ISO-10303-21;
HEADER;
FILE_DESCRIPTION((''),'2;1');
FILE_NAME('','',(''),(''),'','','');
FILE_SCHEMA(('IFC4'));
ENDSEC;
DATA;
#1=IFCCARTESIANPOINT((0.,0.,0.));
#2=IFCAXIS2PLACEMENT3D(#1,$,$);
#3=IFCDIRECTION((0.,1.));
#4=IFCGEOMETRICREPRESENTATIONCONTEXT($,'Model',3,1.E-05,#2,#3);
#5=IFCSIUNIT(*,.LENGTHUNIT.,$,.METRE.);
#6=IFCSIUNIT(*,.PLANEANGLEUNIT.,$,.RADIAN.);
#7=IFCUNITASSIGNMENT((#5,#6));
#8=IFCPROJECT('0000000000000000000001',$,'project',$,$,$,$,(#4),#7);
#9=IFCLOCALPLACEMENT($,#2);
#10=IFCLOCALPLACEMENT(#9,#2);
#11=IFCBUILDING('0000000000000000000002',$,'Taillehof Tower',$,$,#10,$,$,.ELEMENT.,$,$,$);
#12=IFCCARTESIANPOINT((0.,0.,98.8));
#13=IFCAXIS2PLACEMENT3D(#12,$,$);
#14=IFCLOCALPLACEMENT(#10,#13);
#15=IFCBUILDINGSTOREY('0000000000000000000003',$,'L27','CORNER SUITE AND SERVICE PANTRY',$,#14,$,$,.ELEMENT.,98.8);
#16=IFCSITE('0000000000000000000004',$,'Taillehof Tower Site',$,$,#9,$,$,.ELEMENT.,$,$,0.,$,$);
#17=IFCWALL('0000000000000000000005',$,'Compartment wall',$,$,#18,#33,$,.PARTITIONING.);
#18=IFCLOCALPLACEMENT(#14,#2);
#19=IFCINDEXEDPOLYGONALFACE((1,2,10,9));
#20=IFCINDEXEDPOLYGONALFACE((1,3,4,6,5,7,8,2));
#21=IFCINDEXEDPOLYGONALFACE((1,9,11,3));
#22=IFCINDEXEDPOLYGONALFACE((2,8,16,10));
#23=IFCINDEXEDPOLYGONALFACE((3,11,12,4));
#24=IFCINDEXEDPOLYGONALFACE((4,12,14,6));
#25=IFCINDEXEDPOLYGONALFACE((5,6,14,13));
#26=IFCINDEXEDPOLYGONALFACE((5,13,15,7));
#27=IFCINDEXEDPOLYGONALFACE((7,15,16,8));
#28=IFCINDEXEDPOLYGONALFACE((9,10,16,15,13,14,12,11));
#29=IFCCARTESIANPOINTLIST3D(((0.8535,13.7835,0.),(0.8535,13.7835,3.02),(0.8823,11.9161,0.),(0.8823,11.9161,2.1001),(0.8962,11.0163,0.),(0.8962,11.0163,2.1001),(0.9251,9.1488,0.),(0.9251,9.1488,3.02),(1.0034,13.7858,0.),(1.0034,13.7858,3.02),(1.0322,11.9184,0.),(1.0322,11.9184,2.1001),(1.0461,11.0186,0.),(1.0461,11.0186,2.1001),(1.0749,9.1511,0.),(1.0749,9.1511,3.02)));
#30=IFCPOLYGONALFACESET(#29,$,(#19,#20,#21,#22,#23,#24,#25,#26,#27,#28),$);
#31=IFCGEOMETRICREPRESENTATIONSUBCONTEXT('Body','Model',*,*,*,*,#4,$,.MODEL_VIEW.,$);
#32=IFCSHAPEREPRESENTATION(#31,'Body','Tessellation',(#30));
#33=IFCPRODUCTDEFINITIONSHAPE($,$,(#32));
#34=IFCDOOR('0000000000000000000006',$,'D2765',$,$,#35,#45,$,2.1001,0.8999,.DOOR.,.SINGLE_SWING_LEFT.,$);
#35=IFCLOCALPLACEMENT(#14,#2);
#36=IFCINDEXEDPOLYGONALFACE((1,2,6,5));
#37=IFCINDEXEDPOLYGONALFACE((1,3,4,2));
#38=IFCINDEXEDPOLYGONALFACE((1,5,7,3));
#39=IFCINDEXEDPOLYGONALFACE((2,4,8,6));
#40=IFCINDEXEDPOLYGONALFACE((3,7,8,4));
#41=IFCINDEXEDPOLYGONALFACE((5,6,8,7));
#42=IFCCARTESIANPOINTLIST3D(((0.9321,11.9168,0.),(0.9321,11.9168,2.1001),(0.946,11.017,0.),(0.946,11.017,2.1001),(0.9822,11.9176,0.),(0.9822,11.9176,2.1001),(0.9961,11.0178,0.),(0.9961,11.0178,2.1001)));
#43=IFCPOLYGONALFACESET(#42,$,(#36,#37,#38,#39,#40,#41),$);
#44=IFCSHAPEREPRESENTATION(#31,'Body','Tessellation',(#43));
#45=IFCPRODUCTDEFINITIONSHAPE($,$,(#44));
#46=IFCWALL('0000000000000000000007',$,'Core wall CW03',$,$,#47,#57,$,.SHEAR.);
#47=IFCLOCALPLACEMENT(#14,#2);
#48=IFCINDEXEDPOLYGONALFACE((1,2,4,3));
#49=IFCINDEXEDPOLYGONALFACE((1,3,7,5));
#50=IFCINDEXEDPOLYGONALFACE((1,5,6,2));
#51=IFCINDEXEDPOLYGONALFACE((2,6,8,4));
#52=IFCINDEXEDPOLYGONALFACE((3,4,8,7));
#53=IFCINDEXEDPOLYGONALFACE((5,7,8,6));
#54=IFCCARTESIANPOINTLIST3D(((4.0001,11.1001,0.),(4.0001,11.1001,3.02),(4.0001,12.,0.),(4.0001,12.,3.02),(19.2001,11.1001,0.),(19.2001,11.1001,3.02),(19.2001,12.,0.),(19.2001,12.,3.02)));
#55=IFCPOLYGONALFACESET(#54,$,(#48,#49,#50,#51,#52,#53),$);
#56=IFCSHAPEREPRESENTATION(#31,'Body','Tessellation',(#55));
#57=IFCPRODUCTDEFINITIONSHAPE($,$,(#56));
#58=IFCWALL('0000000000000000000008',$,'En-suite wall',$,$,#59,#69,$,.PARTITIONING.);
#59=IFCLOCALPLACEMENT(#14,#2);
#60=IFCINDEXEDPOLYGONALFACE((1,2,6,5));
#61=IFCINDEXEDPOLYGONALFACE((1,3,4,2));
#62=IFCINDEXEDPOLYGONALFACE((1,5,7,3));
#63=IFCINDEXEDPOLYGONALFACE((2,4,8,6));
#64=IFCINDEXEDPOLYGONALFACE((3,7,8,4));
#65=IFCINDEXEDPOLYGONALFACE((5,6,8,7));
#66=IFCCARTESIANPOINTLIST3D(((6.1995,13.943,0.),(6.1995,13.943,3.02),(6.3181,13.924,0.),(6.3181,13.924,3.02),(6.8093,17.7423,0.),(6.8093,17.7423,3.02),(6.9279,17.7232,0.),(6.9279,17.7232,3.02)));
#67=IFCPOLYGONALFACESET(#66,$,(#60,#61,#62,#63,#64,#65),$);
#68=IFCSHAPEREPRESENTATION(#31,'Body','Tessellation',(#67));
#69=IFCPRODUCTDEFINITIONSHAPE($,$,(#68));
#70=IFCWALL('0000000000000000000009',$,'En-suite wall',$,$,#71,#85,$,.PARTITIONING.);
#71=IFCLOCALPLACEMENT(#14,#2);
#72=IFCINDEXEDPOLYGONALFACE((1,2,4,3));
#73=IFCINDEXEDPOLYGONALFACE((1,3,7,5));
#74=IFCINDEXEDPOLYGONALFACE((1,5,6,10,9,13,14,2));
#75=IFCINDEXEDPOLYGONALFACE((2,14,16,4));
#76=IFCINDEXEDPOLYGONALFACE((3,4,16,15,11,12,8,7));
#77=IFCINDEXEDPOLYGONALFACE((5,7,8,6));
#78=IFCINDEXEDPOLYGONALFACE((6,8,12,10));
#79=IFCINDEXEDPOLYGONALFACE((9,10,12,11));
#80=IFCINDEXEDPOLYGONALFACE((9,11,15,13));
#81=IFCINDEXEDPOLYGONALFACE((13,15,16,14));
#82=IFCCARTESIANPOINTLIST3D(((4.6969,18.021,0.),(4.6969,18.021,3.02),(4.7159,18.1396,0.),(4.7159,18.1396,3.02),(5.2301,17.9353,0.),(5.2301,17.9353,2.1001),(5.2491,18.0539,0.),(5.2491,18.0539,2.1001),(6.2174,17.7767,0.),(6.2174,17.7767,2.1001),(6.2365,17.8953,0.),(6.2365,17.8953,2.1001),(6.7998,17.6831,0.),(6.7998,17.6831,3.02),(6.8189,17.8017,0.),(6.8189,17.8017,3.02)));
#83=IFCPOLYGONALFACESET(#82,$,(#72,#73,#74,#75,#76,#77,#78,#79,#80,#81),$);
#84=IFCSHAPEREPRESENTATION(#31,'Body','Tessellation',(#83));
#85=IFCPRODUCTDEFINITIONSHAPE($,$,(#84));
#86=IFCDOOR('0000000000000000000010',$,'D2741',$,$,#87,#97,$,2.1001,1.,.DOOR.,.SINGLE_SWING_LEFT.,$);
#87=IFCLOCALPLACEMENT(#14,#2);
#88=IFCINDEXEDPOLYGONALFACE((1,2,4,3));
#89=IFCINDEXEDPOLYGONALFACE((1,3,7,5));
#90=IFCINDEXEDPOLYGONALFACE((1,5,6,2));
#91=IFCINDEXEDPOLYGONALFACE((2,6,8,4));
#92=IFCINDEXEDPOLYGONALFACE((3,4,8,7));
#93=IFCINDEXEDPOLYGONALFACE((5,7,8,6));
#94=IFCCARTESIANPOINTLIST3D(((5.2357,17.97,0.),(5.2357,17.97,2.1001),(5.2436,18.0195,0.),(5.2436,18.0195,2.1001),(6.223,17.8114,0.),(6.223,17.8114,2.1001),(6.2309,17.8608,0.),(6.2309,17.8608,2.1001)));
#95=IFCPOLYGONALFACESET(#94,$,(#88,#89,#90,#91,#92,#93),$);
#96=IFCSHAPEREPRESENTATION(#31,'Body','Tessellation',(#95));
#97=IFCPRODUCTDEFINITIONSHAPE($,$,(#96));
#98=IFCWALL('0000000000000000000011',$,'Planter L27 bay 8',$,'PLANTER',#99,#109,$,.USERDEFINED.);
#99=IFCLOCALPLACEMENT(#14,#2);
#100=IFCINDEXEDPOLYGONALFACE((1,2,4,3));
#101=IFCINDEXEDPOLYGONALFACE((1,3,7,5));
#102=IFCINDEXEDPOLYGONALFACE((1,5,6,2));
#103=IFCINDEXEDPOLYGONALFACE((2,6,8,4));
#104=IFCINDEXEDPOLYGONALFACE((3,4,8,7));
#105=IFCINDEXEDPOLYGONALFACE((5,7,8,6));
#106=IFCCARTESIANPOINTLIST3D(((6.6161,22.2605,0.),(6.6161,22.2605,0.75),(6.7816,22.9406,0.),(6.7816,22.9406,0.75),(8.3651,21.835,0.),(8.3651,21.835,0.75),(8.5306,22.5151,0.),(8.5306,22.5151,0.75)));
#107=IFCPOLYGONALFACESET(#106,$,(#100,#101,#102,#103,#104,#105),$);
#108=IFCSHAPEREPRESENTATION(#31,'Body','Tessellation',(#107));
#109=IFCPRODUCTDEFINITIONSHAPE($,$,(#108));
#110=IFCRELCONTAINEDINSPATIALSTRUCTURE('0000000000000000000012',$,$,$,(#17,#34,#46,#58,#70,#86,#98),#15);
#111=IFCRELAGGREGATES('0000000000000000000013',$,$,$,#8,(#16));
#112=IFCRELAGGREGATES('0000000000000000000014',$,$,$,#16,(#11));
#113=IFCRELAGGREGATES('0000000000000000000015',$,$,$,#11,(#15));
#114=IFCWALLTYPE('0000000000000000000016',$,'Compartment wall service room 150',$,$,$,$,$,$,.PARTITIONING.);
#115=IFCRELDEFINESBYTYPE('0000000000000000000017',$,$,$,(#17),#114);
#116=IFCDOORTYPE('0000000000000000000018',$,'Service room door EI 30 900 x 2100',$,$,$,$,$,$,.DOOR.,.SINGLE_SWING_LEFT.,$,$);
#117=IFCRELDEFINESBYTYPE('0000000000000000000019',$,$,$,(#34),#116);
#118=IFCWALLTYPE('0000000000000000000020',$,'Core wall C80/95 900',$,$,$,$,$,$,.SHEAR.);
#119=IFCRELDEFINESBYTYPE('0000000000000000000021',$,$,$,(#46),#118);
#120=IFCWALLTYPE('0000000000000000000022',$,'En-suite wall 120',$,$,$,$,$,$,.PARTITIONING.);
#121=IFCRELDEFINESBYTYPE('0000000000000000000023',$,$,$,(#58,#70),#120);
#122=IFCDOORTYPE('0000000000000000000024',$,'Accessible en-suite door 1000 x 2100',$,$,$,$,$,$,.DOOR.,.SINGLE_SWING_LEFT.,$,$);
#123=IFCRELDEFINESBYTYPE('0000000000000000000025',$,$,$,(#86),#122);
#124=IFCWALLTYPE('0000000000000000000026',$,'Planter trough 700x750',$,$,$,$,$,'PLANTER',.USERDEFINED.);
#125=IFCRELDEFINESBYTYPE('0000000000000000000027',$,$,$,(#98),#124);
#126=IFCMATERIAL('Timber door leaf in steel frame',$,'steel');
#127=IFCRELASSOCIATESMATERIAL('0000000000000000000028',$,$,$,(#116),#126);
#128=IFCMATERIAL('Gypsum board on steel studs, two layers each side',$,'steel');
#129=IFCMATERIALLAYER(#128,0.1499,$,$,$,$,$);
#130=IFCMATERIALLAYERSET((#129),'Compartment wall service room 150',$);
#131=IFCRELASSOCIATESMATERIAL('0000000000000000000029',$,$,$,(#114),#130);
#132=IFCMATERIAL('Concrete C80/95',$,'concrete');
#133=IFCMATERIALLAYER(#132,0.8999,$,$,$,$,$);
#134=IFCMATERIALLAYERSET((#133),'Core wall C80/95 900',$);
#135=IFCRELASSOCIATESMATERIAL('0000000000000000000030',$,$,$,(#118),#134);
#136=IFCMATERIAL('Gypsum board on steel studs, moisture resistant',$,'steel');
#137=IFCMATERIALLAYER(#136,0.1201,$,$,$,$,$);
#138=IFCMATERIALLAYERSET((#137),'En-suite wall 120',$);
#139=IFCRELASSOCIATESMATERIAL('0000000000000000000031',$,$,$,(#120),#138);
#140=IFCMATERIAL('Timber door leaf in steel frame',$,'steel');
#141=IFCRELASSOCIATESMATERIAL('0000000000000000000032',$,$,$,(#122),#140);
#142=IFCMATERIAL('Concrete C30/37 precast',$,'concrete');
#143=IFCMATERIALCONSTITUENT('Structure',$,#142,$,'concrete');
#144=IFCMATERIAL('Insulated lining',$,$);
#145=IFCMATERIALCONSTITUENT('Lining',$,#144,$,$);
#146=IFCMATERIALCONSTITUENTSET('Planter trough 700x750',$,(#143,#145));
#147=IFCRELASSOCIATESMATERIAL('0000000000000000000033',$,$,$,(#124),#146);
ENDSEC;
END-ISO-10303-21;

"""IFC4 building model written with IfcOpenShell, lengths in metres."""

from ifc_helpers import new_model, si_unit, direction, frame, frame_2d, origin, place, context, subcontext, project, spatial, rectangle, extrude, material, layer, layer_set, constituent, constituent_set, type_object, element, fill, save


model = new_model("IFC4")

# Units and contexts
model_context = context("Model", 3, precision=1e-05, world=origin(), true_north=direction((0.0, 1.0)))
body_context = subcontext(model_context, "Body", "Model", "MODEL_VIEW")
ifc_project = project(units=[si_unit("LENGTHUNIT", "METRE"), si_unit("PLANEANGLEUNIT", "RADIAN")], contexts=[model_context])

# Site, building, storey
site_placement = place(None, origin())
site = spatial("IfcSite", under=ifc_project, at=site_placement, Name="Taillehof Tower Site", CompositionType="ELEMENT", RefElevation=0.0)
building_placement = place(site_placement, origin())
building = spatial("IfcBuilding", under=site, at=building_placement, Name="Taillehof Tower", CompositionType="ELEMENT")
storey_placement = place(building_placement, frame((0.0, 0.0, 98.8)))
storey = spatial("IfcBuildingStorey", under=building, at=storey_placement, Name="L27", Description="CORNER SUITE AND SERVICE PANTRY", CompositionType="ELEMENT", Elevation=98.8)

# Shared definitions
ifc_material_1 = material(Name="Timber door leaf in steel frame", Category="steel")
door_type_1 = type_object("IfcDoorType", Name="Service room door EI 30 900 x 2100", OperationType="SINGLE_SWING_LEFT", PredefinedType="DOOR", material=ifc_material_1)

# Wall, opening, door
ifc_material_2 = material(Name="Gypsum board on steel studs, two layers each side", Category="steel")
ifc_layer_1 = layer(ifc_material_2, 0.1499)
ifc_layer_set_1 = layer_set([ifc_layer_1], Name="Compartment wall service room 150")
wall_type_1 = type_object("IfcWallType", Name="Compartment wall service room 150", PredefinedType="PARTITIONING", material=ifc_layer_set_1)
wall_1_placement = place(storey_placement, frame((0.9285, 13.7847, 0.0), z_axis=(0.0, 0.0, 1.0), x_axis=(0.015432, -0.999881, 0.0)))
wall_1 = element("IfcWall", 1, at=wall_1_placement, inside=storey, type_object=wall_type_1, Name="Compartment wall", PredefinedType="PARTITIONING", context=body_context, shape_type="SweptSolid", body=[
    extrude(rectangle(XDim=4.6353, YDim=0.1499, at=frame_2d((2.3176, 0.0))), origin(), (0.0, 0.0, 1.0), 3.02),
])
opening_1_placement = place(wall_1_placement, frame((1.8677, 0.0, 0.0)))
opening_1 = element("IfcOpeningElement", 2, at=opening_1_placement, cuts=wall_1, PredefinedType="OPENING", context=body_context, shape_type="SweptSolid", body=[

_Problem to solve_. Go through the listing above and find each line containing the string "SHEAR"; copy those lines.

_Task result_.
#46=IFCWALL('0000000000000000000007',$,'Core wall CW03',$,$,#47,#57,$,.SHEAR.);
#118=IFCWALLTYPE('0000000000000000000020',$,'Core wall C80/95 900',$,$,$,$,$,$,.SHEAR.);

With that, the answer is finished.